__ACTIVITY__
From the listing below, output only the lines starting at the line that has "#109=IFCINDEXEDPOLYGONALFACE((5,7,8,6));" and ending at the line that has "#117=IFCRELAGGREGATES('0000000000000000000015',$,$,$,#11,(#15));", exactly as they appear, ends included.

__EXCERPTED DATA__
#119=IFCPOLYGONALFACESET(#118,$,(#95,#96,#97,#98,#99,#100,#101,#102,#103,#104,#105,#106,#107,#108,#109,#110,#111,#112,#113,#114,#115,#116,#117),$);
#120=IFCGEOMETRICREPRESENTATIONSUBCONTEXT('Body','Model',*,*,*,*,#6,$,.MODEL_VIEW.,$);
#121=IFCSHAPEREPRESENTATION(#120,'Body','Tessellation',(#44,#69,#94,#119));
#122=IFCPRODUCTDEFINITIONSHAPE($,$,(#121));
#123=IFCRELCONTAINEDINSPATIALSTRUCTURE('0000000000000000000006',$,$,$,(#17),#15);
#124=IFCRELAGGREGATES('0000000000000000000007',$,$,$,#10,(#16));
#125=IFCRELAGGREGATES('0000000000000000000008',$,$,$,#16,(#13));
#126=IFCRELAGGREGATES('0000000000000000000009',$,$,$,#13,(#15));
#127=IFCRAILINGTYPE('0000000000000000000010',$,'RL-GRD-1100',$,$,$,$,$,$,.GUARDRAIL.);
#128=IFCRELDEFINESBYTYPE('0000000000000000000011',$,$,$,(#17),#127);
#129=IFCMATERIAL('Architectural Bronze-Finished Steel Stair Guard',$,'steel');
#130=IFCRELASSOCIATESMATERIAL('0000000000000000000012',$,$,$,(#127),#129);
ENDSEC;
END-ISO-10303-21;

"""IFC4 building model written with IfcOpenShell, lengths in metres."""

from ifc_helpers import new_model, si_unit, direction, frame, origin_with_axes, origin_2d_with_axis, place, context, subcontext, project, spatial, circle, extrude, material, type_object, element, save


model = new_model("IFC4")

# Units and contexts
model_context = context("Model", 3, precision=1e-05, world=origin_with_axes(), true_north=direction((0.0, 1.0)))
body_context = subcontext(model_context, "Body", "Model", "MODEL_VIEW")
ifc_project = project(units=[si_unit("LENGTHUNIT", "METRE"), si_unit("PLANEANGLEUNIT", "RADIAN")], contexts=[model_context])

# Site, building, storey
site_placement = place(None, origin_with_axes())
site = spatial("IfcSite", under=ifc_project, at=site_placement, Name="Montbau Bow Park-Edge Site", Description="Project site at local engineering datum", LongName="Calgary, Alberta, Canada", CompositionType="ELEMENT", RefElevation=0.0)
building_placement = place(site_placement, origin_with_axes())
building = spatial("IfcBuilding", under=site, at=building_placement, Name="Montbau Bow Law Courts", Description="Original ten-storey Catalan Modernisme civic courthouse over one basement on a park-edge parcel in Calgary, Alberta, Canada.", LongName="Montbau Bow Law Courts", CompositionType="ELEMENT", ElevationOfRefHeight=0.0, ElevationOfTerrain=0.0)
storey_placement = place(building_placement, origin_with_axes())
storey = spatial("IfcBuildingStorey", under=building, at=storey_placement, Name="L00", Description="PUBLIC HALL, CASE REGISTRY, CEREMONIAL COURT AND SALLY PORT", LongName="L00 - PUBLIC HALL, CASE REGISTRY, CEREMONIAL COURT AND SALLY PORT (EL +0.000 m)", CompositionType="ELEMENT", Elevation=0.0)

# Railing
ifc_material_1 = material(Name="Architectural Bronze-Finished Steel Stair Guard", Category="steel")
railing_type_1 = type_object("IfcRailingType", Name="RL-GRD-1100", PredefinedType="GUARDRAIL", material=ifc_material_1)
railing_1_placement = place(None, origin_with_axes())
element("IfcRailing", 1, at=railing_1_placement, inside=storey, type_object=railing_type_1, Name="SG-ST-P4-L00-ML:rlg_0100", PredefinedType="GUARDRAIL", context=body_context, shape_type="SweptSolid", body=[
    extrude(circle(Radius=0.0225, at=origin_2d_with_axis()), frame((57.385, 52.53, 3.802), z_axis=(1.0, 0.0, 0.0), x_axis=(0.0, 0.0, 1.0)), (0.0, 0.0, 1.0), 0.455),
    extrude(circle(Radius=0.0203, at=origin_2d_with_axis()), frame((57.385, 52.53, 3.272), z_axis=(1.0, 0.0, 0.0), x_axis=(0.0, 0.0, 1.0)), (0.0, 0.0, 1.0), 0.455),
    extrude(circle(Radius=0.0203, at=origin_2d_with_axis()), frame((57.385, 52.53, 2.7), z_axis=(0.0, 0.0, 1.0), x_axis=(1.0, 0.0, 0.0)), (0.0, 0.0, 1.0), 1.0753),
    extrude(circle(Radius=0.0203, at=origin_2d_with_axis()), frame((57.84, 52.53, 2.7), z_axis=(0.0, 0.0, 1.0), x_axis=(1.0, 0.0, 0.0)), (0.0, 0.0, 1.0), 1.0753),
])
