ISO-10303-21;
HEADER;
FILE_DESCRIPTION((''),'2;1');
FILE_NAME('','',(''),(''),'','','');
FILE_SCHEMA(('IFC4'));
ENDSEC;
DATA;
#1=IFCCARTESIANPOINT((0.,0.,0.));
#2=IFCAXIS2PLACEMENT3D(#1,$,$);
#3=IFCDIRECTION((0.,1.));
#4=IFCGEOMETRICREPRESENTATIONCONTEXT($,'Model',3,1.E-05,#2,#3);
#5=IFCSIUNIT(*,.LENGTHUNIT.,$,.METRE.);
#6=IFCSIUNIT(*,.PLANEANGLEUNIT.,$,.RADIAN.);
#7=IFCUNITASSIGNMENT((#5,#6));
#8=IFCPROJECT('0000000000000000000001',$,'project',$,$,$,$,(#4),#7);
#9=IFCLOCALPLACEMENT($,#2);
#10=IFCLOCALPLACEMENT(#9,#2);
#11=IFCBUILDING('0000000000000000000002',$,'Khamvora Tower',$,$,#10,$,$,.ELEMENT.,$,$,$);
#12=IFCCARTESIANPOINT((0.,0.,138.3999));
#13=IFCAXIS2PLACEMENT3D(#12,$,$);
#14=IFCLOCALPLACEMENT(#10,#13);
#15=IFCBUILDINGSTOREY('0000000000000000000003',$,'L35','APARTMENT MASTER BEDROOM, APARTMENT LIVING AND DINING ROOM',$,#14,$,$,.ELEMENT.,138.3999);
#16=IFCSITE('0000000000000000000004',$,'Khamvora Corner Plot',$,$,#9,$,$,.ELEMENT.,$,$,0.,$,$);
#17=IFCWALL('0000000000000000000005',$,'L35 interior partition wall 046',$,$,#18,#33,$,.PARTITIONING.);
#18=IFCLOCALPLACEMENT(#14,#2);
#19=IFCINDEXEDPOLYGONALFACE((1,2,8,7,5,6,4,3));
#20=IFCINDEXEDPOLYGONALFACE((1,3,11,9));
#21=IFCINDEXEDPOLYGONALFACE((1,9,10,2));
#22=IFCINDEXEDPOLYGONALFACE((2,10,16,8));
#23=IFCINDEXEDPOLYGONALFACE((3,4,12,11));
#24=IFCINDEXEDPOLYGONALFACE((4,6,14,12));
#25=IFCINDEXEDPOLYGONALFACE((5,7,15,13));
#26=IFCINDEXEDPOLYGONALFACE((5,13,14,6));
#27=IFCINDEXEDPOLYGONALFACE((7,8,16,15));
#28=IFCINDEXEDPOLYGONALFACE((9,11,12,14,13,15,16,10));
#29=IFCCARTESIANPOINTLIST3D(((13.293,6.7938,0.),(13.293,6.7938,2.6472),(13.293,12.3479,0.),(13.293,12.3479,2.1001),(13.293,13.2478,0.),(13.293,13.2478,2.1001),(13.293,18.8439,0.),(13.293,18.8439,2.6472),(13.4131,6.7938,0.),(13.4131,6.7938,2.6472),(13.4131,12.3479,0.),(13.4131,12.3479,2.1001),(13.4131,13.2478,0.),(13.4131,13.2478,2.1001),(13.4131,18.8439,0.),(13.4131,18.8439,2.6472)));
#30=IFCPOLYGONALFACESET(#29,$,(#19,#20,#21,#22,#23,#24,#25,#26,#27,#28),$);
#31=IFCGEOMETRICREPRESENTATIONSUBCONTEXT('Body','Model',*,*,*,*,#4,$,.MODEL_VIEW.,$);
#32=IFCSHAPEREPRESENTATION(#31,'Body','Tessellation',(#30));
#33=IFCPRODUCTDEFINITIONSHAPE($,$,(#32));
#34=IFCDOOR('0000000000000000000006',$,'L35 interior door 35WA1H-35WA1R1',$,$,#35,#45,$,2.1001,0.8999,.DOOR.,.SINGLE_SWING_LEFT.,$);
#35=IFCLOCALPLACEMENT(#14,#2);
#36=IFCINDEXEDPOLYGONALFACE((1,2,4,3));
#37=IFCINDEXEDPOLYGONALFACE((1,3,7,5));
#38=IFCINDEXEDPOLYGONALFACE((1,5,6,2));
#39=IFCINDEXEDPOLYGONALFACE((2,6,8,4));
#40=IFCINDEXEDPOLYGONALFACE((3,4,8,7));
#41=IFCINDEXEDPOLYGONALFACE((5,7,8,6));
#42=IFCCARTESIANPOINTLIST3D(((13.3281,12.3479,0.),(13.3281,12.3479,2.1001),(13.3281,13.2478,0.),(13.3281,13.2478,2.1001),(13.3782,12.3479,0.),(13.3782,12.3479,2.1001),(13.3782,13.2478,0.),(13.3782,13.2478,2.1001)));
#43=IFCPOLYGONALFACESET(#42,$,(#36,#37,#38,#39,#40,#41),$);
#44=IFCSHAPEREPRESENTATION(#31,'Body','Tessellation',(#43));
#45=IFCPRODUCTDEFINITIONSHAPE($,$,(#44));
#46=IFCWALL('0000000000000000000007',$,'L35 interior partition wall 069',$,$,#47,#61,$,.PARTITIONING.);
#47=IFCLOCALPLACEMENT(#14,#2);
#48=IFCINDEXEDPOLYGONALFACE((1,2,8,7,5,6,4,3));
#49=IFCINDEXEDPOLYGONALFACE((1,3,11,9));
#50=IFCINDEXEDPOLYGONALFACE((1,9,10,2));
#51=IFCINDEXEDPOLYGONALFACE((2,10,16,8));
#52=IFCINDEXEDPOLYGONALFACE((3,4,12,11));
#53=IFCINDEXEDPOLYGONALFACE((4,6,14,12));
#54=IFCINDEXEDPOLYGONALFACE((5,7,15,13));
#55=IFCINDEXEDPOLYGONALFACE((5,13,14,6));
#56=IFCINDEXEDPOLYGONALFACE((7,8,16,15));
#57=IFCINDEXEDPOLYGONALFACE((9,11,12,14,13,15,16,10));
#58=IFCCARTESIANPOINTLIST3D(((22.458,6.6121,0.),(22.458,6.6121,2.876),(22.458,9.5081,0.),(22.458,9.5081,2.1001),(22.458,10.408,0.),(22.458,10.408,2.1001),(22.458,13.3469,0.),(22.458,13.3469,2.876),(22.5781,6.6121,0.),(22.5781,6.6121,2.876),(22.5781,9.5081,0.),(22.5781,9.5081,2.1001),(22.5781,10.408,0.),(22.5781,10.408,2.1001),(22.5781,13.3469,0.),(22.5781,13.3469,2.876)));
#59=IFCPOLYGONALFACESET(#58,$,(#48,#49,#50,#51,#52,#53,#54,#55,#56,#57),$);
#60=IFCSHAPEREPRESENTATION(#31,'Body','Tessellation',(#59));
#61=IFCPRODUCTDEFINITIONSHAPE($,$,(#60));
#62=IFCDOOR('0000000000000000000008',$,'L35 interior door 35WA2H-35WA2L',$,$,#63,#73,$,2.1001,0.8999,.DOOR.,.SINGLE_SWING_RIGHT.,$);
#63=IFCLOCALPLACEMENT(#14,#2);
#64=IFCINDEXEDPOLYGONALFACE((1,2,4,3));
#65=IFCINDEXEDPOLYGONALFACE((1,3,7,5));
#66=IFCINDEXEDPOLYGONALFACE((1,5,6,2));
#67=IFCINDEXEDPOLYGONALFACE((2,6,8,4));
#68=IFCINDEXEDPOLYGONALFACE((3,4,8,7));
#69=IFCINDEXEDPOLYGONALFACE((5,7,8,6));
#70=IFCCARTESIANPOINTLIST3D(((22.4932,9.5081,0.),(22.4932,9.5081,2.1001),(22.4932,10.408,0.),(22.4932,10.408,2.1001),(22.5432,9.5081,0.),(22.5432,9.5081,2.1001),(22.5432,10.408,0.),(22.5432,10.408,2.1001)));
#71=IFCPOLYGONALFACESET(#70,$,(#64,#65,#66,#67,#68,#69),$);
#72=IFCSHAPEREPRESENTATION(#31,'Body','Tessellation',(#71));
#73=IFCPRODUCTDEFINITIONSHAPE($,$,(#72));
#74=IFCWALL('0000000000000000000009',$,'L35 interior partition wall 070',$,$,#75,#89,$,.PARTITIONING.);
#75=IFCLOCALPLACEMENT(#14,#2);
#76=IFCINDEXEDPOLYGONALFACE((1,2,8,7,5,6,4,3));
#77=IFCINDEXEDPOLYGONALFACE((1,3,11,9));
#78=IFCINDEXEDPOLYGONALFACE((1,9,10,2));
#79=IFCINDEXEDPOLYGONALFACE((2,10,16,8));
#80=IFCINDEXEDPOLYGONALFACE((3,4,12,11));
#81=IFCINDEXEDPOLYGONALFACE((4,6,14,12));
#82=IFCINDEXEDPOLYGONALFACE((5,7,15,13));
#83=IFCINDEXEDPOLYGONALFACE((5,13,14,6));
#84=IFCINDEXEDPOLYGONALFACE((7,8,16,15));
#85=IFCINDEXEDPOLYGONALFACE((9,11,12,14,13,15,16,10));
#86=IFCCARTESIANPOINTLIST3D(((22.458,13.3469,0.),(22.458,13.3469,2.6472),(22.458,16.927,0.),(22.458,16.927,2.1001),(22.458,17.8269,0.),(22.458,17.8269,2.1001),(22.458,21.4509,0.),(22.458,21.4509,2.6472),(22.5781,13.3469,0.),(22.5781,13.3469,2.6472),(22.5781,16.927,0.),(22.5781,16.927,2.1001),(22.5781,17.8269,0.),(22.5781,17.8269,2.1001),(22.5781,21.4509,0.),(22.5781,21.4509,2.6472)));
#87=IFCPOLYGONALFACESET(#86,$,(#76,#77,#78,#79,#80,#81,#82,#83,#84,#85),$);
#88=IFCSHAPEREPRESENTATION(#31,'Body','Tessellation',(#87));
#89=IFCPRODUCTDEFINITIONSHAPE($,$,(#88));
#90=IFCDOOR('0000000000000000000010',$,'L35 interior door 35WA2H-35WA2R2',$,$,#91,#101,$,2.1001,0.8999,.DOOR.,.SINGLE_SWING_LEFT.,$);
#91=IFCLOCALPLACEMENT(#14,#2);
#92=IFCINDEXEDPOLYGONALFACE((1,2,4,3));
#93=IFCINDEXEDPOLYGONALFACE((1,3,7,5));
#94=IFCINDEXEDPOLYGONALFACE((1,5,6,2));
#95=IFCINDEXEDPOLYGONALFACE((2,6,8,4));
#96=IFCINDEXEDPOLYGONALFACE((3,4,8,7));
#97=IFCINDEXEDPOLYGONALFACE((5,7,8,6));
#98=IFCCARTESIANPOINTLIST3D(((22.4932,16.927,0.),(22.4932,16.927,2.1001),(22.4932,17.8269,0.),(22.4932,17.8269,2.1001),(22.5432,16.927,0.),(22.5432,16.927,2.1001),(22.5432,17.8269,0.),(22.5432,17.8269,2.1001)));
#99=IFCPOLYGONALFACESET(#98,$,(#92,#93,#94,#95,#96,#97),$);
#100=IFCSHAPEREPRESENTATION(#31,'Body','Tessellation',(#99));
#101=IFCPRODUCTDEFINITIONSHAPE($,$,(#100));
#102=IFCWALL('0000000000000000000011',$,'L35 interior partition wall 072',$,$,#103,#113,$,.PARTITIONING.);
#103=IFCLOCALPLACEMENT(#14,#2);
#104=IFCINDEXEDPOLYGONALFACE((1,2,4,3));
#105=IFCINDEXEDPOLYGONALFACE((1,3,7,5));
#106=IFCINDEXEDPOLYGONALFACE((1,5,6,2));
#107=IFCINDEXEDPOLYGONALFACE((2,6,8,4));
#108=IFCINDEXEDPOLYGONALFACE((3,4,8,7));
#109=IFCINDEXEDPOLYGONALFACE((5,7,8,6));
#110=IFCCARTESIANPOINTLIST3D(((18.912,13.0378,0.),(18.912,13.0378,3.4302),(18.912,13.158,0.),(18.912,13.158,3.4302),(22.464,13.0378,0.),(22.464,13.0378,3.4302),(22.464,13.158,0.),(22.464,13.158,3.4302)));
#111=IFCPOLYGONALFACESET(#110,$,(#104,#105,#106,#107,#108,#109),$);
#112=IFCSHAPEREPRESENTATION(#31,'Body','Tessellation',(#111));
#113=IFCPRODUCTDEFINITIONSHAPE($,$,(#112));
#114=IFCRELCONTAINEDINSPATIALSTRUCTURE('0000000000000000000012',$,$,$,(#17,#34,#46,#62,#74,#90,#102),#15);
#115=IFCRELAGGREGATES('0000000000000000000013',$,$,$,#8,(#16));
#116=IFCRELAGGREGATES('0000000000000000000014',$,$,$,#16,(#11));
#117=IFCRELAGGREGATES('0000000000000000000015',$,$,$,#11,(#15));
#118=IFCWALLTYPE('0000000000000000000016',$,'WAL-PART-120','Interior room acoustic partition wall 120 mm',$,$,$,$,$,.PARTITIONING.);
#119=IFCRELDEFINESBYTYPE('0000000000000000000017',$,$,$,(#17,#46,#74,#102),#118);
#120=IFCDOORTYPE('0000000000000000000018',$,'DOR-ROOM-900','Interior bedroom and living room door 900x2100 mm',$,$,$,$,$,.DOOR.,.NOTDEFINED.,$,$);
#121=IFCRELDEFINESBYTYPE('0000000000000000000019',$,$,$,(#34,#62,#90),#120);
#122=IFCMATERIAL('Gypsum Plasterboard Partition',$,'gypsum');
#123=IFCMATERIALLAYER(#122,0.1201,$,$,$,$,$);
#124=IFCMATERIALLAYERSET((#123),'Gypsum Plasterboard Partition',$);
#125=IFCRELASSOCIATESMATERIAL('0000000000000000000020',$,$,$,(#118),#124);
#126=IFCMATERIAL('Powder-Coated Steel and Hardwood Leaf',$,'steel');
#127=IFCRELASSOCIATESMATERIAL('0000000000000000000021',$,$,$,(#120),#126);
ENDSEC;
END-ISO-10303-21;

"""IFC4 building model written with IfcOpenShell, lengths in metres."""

from ifc_helpers import new_model, si_unit, direction, frame, frame_2d, origin, place, context, subcontext, project, spatial, rectangle, extrude, material, layer, layer_set, type_object, element, fill, save


model = new_model("IFC4")

# Units and contexts
model_context = context("Model", 3, precision=1e-05, world=origin(), true_north=direction((0.0, 1.0)))
body_context = subcontext(model_context, "Body", "Model", "MODEL_VIEW")
ifc_project = project(units=[si_unit("LENGTHUNIT", "METRE"), si_unit("PLANEANGLEUNIT", "RADIAN")], contexts=[model_context])

# Site, building, storey
site_placement = place(None, origin())
site = spatial("IfcSite", under=ifc_project, at=site_placement, Name="Khamvora Corner Plot", CompositionType="ELEMENT", RefElevation=0.0)
building_placement = place(site_placement, origin())
building = spatial("IfcBuilding", under=site, at=building_placement, Name="Khamvora Tower", CompositionType="ELEMENT")
storey_placement = place(building_placement, frame((0.0, 0.0, 138.3999)))
storey = spatial("IfcBuildingStorey", under=building, at=storey_placement, Name="L35", Description="APARTMENT MASTER BEDROOM, APARTMENT LIVING AND DINING ROOM", CompositionType="ELEMENT", Elevation=138.3999)

# Walls, openings, doors
ifc_material_1 = material(Name="Gypsum Plasterboard Partition", Category="gypsum")
ifc_layer_1 = layer(ifc_material_1, 0.1201)
ifc_layer_set_1 = layer_set([ifc_layer_1], Name="Gypsum Plasterboard Partition")
wall_type_1 = type_object("IfcWallType", Name="WAL-PART-120", Description="Interior room acoustic partition wall 120 mm", PredefinedType="PARTITIONING", material=ifc_layer_set_1)
wall_1_placement = place(storey_placement, frame((13.353, 6.7939, 0.0), z_axis=(0.0, 0.0, 1.0), x_axis=(0.0, 1.0, 0.0)))
wall_1 = element("IfcWall", 1, at=wall_1_placement, inside=storey, type_object=wall_type_1, Name="L35 interior partition wall 046", PredefinedType="PARTITIONING", context=body_context, shape_type="SweptSolid", body=[
    extrude(rectangle(XDim=12.05, YDim=0.1201, at=frame_2d((6.0249, 0.0))), origin(), (0.0, 0.0, 1.0), 2.6472),
])
opening_1_placement = place(wall_1_placement, frame((5.554, 0.0, 0.0)))
opening_1 = element("IfcOpeningElement", 2, at=opening_1_placement, cuts=wall_1, PredefinedType="OPENING", context=body_context, shape_type="SweptSolid", body=[
    extrude(rectangle(XDim=0.8999, YDim=2.1001, at=frame_2d((0.45, 1.05))), frame((0.0, 0.0701, 0.0), z_axis=(0.0, -1.0, 0.0), x_axis=(1.0, 0.0, 0.0)), (0.0, 0.0, 1.0), 0.1401),
])
ifc_material_2 = material(Name="Powder-Coated Steel and Hardwood Leaf", Category="steel")
door_type = type_object("IfcDoorType", Name="DOR-ROOM-900", Description="Interior bedroom and living room door 900x2100 mm", OperationType="NOTDEFINED", PredefinedType="DOOR", material=ifc_material_2)
door_1_placement = place(opening_1_placement, origin())
door_1 = element("IfcDoor", 3, at=door_1_placement, inside=storey, type_object=door_type, Name="L35 interior door 35WA1H-35WA1R1", OperationType="SINGLE_SWING_LEFT", OverallHeight=2.1001, OverallWidth=0.8999, PredefinedType="DOOR", context=body_context, shape_type="SweptSolid", body=[
    extrude(rectangle(XDim=0.8999, YDim=2.1001, at=frame_2d((0.45, 1.05))), frame((0.0, 0.0249, 0.0), z_axis=(0.0, -1.0, 0.0), x_axis=(1.0, 0.0, 0.0)), (0.0, 0.0, 1.0), 0.05),
])
fill(opening_1, door_1)
wall_2_placement = place(storey_placement, frame((22.5181, 6.6121, 0.0), z_axis=(0.0, 0.0, 1.0), x_axis=(0.0, 1.0, 0.0)))
wall_2 = element("IfcWall", 4, at=wall_2_placement, inside=storey, type_object=wall_type_1, Name="L35 interior partition wall 069", PredefinedType="PARTITIONING", context=body_context, shape_type="SweptSolid", body=[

__SOLUTION__
#109=IFCINDEXEDPOLYGONALFACE((5,7,8,6));
#110=IFCCARTESIANPOINTLIST3D(((18.912,13.0378,0.),(18.912,13.0378,3.4302),(18.912,13.158,0.),(18.912,13.158,3.4302),(22.464,13.0378,0.),(22.464,13.0378,3.4302),(22.464,13.158,0.),(22.464,13.158,3.4302)));
#111=IFCPOLYGONALFACESET(#110,$,(#104,#105,#106,#107,#108,#109),$);
#112=IFCSHAPEREPRESENTATION(#31,'Body','Tessellation',(#111));
#113=IFCPRODUCTDEFINITIONSHAPE($,$,(#112));
#114=IFCRELCONTAINEDINSPATIALSTRUCTURE('0000000000000000000012',$,$,$,(#17,#34,#46,#62,#74,#90,#102),#15);
#115=IFCRELAGGREGATES('0000000000000000000013',$,$,$,#8,(#16));
#116=IFCRELAGGREGATES('0000000000000000000014',$,$,$,#16,(#11));
#117=IFCRELAGGREGATES('0000000000000000000015',$,$,$,#11,(#15));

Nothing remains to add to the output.